(Collected data entries)
————

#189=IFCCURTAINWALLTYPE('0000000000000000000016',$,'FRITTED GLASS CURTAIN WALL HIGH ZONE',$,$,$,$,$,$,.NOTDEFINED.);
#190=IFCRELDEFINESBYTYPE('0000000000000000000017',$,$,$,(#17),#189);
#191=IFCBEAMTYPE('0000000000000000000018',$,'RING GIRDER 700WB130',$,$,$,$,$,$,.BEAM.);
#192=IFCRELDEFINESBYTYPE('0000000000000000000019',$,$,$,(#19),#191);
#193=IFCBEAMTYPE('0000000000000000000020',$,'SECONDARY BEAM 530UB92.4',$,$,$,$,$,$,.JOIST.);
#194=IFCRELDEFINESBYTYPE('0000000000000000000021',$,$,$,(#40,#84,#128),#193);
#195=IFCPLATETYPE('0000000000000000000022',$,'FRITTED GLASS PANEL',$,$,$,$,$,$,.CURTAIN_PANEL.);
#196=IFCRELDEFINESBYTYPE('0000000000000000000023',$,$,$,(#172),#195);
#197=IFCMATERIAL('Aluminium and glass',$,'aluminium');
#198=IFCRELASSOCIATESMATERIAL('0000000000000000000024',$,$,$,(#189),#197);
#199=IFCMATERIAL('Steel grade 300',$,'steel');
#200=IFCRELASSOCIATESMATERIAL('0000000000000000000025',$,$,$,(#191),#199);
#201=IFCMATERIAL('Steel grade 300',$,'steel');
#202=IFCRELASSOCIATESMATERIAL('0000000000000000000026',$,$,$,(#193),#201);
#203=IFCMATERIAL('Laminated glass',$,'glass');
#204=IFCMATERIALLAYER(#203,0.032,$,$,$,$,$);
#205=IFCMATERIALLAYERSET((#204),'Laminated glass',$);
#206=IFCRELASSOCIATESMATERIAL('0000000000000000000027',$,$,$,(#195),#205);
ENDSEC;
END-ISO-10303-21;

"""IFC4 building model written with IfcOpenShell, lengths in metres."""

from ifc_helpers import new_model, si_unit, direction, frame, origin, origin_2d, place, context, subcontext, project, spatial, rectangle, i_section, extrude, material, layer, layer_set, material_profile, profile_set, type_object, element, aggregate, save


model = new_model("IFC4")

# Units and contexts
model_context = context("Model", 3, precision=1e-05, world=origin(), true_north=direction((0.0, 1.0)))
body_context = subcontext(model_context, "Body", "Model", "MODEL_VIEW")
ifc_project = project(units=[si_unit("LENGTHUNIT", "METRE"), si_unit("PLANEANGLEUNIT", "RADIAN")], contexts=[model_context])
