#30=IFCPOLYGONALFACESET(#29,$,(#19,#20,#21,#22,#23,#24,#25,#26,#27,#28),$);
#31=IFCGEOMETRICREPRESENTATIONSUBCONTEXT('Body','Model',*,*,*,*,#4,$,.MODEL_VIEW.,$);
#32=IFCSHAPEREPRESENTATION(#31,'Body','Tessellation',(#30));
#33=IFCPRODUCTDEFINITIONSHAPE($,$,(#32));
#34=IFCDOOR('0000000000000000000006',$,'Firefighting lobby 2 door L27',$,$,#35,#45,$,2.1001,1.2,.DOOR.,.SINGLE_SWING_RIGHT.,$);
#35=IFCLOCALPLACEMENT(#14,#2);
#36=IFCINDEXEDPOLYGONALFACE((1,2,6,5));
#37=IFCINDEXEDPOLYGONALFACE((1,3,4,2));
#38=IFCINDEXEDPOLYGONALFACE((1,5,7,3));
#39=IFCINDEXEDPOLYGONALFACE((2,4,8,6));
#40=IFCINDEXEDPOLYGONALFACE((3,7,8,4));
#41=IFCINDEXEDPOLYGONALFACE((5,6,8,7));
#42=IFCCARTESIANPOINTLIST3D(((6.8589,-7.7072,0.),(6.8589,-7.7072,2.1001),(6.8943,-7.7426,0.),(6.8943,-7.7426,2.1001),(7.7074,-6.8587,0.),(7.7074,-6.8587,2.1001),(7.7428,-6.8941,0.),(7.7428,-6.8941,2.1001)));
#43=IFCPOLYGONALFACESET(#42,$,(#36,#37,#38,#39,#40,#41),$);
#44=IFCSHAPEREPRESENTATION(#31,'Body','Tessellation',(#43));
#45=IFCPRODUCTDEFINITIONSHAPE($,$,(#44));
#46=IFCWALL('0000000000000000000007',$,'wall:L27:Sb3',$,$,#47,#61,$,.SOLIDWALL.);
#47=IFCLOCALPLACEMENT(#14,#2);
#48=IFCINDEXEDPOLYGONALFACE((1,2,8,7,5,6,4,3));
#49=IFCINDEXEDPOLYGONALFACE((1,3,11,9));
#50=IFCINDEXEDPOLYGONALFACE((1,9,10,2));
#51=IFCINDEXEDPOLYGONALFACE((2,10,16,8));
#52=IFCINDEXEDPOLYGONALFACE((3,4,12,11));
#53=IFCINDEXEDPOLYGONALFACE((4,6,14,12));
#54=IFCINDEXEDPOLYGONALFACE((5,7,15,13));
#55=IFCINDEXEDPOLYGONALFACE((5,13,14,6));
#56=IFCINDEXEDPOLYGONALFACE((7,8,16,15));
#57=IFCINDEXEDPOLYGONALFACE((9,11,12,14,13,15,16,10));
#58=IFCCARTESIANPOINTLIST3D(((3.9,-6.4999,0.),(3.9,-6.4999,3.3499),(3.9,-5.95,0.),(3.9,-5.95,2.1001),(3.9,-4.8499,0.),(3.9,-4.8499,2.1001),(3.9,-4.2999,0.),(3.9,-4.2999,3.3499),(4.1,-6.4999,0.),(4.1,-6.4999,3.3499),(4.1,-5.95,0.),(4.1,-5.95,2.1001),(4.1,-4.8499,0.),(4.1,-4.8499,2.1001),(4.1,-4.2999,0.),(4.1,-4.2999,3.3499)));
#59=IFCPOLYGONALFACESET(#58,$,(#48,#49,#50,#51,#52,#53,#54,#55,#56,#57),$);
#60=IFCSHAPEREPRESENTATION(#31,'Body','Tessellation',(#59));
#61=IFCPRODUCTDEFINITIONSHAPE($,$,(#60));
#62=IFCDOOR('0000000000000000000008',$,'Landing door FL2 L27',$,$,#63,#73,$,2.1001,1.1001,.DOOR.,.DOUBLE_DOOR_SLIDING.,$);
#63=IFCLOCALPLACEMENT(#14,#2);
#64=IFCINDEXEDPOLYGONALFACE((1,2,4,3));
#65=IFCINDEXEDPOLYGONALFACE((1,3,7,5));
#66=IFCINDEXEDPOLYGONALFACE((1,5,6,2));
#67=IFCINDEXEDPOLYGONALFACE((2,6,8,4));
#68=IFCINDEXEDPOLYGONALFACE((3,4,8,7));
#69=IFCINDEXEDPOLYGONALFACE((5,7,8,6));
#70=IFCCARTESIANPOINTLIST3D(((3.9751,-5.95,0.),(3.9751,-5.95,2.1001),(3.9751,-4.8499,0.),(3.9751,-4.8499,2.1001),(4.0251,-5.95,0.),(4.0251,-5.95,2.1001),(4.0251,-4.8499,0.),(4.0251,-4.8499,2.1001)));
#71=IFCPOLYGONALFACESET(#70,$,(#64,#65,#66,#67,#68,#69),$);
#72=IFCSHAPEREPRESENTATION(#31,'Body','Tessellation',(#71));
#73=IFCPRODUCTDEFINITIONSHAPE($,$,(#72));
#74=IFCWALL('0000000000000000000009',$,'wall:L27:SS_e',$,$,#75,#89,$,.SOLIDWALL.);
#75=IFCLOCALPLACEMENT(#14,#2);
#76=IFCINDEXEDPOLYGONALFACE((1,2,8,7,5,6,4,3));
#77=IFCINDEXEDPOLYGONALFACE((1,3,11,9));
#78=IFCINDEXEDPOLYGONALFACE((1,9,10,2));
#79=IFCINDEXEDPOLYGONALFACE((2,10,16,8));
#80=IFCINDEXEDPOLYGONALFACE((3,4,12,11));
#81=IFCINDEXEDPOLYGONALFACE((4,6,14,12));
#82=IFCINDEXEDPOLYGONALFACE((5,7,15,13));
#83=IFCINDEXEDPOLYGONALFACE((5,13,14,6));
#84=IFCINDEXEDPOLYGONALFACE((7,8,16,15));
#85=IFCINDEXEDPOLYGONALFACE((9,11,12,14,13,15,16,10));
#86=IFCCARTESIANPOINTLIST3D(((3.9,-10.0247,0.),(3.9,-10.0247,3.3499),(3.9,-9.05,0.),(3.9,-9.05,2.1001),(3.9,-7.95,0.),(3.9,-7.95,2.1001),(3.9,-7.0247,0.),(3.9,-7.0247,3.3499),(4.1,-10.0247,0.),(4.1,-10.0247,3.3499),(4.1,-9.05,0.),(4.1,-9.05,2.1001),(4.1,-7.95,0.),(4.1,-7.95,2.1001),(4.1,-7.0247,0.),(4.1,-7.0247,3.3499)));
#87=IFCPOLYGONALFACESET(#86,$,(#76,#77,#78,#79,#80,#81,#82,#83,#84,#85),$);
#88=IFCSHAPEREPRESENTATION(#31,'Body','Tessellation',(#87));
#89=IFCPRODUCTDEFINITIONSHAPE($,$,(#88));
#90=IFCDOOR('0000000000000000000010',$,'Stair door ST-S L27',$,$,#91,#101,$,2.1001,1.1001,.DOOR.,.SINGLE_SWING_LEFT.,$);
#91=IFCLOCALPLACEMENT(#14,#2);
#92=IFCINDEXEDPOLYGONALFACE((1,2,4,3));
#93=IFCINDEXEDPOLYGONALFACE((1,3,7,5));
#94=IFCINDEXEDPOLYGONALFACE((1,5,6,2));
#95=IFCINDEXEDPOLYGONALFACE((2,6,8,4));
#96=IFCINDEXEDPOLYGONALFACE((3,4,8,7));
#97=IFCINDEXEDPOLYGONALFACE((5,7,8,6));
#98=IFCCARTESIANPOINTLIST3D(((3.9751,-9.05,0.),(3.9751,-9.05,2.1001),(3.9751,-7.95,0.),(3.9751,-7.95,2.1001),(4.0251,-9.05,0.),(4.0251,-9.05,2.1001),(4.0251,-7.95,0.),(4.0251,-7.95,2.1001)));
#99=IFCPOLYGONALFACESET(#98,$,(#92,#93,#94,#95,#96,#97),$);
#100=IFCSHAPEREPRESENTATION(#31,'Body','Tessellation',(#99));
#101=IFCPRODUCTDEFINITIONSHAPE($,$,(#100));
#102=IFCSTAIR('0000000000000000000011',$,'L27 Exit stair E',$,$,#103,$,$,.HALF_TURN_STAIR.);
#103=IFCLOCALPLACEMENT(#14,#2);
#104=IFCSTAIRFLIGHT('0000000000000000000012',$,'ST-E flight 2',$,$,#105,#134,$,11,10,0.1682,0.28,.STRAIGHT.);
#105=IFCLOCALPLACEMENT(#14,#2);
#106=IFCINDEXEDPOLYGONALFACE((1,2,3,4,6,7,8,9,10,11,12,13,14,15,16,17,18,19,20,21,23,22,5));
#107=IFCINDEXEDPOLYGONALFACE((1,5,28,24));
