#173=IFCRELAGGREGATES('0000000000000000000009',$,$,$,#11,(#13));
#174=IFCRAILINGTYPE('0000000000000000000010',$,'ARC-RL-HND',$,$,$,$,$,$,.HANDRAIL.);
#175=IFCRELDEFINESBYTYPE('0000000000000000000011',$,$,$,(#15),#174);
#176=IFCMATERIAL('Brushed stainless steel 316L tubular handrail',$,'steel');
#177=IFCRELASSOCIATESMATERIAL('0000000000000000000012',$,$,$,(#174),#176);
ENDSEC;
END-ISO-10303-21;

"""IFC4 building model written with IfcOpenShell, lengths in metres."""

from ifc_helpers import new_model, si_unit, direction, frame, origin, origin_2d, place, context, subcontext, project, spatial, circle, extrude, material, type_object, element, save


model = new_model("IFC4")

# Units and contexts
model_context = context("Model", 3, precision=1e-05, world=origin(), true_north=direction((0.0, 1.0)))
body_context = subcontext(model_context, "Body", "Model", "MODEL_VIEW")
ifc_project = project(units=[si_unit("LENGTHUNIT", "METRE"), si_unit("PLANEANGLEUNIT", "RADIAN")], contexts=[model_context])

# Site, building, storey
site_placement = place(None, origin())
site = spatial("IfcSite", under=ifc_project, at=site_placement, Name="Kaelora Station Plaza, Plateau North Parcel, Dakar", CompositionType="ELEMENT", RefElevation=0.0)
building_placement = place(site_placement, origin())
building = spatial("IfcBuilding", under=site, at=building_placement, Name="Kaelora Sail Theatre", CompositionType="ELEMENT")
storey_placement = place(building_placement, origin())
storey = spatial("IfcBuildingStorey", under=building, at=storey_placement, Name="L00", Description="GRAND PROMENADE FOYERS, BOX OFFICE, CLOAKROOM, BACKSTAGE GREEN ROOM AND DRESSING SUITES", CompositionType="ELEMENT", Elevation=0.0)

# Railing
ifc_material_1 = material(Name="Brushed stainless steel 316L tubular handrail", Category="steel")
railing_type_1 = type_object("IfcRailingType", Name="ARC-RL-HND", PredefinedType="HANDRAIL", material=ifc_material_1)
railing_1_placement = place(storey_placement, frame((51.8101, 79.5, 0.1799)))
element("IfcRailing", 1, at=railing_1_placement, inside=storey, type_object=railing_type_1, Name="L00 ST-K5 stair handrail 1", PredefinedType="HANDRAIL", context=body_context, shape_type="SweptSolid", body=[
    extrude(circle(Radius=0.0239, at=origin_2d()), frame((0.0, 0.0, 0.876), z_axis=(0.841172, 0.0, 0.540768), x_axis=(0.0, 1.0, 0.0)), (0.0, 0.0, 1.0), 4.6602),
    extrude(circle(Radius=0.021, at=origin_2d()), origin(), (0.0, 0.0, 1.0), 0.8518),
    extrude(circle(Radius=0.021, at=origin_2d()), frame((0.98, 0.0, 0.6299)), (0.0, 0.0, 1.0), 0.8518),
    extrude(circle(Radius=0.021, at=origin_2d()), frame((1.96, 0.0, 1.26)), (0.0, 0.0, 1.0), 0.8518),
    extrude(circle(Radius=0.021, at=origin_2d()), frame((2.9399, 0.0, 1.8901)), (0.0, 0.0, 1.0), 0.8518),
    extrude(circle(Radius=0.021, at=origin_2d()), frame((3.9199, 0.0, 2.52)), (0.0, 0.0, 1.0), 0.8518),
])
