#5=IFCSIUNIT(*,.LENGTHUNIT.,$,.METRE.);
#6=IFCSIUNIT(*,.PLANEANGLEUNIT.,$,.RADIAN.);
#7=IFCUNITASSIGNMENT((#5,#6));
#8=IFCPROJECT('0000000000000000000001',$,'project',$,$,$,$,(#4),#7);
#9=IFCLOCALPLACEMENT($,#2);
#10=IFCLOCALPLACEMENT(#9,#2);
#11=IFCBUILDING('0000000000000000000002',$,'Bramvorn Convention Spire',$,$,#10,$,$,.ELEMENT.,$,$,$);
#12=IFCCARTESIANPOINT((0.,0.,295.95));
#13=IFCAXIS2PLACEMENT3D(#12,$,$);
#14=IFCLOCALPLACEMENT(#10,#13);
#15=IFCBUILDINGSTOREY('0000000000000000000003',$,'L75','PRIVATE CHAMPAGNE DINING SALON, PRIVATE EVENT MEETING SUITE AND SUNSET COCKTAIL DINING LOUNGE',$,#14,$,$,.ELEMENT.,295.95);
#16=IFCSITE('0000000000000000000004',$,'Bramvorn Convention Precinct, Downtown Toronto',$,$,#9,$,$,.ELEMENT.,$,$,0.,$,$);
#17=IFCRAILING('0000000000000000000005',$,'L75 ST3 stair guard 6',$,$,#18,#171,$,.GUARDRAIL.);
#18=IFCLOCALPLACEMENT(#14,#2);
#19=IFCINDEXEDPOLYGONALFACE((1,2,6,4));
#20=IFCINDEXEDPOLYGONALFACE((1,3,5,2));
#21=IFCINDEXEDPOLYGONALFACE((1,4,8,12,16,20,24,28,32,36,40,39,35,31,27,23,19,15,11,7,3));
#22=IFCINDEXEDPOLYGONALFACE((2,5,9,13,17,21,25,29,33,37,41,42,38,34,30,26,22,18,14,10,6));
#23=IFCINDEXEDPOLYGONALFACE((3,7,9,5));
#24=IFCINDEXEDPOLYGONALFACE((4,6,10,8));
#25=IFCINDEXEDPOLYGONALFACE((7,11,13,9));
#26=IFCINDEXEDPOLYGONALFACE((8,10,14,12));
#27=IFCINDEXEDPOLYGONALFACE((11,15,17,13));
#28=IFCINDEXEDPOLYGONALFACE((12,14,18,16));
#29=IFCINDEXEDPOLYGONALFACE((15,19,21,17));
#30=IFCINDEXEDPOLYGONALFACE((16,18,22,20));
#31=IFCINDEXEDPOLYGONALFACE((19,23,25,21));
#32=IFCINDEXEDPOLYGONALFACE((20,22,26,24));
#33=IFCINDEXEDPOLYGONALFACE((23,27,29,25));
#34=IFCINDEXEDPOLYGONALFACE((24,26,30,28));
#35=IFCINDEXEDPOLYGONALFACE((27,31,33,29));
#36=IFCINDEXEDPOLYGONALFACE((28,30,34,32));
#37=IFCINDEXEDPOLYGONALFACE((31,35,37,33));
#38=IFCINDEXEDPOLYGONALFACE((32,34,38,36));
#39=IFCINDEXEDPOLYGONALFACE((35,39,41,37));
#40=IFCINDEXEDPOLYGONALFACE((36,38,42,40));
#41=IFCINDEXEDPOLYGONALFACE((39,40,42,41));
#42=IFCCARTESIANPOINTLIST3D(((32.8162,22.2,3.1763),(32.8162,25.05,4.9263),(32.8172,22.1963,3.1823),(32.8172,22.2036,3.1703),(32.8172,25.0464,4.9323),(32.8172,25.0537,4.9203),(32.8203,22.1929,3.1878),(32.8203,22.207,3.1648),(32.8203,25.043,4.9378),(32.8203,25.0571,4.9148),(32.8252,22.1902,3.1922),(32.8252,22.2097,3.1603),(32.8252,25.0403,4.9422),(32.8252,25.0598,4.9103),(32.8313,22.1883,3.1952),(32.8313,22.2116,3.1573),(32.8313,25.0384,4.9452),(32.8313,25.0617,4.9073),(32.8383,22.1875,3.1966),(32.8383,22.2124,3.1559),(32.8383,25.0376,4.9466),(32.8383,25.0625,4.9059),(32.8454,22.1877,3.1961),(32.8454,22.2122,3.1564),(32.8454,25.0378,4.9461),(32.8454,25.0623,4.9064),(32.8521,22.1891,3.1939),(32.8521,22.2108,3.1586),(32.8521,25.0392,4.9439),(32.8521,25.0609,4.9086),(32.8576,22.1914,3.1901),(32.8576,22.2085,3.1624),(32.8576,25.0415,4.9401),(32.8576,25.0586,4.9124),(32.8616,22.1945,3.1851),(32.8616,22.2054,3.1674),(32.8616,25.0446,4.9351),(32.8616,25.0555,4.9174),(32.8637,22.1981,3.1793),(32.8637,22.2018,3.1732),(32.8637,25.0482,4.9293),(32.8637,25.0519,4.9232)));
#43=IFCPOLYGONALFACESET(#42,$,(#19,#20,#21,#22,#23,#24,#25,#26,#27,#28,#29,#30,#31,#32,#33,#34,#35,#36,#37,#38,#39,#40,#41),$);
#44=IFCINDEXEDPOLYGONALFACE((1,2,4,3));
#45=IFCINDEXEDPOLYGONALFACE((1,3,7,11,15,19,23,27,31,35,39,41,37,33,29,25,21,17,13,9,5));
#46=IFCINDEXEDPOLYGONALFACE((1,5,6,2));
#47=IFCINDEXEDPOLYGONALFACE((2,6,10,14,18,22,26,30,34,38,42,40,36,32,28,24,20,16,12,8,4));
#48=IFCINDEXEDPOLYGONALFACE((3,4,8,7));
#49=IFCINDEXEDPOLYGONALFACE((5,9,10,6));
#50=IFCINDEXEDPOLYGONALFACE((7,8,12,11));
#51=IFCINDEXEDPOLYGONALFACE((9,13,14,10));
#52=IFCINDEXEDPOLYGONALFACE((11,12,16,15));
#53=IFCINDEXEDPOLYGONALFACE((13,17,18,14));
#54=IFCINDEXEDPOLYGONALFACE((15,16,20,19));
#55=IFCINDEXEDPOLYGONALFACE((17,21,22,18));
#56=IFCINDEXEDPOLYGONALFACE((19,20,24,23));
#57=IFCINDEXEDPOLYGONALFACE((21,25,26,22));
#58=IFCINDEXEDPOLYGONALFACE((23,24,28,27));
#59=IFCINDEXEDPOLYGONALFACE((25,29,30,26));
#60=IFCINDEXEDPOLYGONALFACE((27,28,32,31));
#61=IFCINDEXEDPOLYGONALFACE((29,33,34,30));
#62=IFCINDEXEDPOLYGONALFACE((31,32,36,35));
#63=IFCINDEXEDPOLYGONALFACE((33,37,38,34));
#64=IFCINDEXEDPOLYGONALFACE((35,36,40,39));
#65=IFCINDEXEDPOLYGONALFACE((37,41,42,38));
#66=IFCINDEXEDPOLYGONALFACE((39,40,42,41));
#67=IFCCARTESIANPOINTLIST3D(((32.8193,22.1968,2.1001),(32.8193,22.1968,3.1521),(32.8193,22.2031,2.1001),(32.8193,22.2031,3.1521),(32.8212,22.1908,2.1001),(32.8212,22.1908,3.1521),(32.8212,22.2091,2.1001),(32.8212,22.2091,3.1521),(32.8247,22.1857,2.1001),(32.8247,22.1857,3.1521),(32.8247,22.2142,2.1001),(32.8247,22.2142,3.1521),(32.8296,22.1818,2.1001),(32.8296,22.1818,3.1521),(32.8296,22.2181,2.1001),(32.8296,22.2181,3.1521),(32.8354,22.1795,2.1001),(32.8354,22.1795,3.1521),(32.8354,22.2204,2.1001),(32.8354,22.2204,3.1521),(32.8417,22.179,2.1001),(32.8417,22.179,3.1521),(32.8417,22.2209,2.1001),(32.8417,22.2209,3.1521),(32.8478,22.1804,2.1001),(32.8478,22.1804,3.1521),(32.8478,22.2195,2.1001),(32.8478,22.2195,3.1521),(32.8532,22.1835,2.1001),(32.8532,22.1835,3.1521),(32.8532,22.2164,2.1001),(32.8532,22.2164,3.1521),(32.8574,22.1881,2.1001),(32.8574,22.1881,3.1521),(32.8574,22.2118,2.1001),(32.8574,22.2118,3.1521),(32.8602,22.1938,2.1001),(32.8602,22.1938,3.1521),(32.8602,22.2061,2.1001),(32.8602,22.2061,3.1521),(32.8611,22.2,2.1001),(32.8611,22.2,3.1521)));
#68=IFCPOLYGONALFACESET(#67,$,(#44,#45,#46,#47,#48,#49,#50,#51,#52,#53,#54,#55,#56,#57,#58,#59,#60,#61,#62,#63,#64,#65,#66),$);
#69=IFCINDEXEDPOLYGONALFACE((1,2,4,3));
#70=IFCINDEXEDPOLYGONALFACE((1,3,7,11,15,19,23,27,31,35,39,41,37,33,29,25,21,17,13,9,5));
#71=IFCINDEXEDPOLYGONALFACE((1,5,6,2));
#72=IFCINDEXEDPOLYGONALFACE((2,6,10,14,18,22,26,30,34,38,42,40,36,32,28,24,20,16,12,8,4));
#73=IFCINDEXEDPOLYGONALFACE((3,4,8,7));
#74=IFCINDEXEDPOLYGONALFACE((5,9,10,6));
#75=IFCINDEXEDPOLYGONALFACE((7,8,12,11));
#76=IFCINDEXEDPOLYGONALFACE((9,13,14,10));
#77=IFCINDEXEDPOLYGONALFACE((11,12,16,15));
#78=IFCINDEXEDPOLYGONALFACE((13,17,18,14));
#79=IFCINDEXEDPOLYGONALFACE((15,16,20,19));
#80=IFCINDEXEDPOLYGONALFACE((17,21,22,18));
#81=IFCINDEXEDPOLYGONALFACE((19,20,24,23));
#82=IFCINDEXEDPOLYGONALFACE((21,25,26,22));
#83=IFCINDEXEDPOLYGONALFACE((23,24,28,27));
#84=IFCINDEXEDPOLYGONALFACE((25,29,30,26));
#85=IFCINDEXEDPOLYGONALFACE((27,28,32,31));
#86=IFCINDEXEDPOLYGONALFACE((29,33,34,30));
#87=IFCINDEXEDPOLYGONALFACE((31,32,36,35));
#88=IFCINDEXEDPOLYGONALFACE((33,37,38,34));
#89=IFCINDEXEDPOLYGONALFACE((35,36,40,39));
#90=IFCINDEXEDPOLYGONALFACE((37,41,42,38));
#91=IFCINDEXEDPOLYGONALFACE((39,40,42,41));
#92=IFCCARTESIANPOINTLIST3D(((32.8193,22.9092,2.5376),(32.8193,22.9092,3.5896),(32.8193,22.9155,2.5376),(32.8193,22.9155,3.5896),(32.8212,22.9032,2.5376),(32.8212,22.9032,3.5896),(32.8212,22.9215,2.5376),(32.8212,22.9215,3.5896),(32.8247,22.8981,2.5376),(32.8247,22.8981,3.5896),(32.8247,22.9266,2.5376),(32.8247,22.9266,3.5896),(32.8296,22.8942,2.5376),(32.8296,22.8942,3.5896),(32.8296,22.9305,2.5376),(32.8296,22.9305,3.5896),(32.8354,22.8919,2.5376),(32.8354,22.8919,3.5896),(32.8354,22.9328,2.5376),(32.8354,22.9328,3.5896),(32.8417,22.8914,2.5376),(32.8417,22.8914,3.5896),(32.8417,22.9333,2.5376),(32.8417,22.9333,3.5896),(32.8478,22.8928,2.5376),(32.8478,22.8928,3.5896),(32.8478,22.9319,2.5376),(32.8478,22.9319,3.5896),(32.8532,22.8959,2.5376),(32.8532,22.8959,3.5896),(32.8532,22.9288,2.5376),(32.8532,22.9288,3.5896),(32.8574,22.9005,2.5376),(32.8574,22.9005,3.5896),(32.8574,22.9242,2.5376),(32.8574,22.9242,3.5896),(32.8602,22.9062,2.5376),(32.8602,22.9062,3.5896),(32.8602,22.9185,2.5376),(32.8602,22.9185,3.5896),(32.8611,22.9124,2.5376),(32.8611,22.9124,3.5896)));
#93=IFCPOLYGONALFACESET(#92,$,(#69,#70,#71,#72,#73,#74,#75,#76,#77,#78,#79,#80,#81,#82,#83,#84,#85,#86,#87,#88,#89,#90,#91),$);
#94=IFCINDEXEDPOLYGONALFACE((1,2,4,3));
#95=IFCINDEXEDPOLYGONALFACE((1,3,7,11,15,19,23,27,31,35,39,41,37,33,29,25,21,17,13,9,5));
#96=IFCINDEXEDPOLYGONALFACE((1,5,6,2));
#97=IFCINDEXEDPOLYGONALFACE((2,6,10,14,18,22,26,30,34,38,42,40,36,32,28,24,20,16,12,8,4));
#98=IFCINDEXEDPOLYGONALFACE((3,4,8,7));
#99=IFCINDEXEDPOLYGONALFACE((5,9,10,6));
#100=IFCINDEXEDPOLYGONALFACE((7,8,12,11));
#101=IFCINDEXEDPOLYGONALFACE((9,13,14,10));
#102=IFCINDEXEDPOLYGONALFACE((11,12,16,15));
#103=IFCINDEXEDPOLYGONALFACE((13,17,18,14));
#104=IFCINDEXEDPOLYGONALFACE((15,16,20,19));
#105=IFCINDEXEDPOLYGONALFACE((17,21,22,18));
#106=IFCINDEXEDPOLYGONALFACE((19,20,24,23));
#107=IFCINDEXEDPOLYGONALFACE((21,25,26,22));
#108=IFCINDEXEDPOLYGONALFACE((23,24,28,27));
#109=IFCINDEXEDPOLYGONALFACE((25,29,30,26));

————

◆ **Exercise requirements**: Retype exactly, and only, the lines from the line holding "#102=IFCINDEXEDPOLYGONALFACE((11,12,16,15));" through the last line of the data; both of those lines count.

◆ **Solved problem**:
#102=IFCINDEXEDPOLYGONALFACE((11,12,16,15));
#103=IFCINDEXEDPOLYGONALFACE((13,17,18,14));
#104=IFCINDEXEDPOLYGONALFACE((15,16,20,19));
#105=IFCINDEXEDPOLYGONALFACE((17,21,22,18));
#106=IFCINDEXEDPOLYGONALFACE((19,20,24,23));
#107=IFCINDEXEDPOLYGONALFACE((21,25,26,22));
#108=IFCINDEXEDPOLYGONALFACE((23,24,28,27));
#109=IFCINDEXEDPOLYGONALFACE((25,29,30,26));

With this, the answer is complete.